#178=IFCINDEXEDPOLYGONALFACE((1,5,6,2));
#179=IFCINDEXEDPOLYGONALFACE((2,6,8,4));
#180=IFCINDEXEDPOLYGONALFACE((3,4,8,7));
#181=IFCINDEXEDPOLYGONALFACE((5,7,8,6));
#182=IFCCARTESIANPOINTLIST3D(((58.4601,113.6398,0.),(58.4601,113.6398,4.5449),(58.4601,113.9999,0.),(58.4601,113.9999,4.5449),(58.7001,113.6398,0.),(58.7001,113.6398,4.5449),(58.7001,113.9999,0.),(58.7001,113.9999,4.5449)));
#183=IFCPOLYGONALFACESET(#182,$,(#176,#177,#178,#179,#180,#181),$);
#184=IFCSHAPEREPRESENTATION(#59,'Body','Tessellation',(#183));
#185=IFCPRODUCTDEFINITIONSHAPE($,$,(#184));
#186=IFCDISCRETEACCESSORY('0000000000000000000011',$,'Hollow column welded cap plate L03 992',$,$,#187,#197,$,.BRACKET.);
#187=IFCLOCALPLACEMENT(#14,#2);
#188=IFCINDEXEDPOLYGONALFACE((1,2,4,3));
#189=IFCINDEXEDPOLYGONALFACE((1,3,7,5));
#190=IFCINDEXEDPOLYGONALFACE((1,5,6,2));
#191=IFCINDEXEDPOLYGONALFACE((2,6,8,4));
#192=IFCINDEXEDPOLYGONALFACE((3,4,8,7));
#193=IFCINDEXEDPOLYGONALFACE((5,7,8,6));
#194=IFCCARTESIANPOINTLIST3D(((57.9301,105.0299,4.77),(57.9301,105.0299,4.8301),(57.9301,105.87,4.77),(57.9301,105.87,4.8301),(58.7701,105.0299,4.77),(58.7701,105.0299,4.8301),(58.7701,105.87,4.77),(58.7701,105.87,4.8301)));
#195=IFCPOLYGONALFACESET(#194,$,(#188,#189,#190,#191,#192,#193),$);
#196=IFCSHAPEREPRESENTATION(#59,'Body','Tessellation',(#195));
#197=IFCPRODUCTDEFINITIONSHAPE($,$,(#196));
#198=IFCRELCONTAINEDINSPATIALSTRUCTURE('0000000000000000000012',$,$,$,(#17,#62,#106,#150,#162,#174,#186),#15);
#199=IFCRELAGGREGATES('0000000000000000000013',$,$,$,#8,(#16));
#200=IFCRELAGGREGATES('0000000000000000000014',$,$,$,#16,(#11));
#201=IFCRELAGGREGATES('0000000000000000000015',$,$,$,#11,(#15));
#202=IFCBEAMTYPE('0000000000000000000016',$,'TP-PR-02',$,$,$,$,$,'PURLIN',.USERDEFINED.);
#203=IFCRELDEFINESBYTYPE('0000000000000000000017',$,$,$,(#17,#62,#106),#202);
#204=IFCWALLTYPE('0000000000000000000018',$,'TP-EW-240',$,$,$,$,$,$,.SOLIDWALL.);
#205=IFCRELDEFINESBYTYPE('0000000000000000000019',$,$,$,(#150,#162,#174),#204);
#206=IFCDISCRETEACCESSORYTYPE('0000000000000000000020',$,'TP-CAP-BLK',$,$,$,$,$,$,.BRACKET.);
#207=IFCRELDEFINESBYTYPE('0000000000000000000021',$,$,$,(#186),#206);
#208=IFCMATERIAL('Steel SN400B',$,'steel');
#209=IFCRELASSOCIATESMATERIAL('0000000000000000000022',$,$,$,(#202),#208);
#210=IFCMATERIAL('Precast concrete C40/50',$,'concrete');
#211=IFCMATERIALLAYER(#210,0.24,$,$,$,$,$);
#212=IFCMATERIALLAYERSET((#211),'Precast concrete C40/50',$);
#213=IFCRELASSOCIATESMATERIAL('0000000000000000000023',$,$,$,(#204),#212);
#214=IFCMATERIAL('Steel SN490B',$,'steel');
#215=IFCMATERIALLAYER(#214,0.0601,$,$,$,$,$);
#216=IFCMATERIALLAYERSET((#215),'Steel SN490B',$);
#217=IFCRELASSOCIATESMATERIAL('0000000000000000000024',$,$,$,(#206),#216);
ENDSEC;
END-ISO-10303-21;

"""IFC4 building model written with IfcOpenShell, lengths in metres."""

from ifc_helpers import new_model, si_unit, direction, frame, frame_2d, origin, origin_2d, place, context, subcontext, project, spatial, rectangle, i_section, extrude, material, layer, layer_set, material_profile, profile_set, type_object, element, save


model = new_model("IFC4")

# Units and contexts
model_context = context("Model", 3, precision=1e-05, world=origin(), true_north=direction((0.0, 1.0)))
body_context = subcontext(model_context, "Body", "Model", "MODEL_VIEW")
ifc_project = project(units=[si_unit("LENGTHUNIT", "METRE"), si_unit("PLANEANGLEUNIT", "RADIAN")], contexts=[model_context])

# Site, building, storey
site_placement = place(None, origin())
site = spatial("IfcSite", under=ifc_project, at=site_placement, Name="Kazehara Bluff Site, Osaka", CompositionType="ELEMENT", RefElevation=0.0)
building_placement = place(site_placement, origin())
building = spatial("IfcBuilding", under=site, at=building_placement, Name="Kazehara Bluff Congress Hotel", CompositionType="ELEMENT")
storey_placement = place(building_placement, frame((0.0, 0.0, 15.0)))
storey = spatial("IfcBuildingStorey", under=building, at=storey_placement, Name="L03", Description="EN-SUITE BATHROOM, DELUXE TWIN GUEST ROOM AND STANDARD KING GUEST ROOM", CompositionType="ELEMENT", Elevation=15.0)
───
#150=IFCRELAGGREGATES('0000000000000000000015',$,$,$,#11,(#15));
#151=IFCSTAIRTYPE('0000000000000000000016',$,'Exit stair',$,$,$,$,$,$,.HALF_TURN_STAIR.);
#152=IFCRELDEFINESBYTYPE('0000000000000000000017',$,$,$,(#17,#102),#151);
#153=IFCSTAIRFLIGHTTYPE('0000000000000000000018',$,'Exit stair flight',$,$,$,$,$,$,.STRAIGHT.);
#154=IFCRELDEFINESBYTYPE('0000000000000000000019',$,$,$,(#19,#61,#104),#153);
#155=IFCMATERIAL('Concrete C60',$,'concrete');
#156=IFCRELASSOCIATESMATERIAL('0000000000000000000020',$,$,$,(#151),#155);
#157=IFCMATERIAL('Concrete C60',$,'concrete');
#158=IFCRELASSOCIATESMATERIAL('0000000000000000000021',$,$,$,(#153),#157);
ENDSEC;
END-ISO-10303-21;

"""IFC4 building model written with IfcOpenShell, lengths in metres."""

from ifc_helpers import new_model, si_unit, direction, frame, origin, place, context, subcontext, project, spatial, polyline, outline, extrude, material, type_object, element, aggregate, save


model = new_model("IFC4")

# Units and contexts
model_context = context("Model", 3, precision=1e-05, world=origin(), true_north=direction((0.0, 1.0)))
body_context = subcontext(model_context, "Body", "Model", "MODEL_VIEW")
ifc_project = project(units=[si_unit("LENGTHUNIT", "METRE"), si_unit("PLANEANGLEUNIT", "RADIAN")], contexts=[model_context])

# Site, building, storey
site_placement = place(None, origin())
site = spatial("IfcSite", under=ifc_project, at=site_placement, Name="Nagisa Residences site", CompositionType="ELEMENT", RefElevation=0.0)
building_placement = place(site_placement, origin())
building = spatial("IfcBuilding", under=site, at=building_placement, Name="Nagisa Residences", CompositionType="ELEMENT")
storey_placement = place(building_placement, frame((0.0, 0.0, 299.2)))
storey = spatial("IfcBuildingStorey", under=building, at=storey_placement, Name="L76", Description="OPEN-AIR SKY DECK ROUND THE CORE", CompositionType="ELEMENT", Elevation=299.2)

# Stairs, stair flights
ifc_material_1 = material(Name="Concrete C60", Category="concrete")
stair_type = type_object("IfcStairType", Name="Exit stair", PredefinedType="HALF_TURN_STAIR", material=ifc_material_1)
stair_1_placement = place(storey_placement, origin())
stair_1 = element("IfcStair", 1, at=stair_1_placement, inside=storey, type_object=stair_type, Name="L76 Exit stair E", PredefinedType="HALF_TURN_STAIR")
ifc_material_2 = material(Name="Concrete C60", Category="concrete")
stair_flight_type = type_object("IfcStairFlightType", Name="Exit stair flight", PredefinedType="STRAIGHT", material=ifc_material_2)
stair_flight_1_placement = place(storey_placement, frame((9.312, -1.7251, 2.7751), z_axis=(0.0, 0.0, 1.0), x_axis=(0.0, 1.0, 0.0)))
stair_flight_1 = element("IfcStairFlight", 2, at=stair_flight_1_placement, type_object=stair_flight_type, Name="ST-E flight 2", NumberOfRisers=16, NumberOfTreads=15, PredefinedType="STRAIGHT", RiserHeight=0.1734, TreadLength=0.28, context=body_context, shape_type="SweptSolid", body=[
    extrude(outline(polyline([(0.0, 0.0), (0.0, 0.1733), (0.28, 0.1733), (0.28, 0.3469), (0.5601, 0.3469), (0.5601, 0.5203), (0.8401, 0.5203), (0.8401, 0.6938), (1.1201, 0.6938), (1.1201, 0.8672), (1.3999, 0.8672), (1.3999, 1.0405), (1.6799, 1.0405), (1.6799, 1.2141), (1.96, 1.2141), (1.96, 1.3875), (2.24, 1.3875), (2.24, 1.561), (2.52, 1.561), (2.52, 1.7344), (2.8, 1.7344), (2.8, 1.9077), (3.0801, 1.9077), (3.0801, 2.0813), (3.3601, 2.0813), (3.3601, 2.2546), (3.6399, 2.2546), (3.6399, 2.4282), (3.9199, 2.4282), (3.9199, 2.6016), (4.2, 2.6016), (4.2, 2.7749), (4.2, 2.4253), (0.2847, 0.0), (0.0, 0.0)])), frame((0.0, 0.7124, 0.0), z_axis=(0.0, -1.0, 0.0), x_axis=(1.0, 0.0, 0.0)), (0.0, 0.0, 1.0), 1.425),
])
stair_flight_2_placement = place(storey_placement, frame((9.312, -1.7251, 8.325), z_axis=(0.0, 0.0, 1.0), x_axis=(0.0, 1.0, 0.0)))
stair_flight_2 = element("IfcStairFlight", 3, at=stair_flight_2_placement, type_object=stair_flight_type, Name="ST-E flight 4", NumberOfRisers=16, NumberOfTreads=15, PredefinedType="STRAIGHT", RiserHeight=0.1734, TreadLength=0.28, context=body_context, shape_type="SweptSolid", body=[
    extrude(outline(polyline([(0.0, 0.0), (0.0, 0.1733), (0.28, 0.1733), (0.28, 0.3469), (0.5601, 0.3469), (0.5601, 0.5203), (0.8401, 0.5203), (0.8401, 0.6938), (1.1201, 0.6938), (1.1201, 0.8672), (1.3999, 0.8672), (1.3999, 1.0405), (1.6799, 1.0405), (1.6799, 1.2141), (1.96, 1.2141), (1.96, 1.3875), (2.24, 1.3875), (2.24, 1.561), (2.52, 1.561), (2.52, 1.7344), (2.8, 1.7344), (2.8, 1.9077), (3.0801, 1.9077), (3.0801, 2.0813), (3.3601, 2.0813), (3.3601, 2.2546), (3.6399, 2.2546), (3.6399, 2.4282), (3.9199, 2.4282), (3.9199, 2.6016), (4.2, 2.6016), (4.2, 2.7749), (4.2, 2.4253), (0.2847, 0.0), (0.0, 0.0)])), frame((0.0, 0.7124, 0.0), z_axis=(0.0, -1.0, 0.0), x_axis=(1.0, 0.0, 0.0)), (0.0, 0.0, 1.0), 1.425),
───
| Work to complete |
Above are some records. Report the number of their lines that include "under", and add nothing else.

| Output below |
6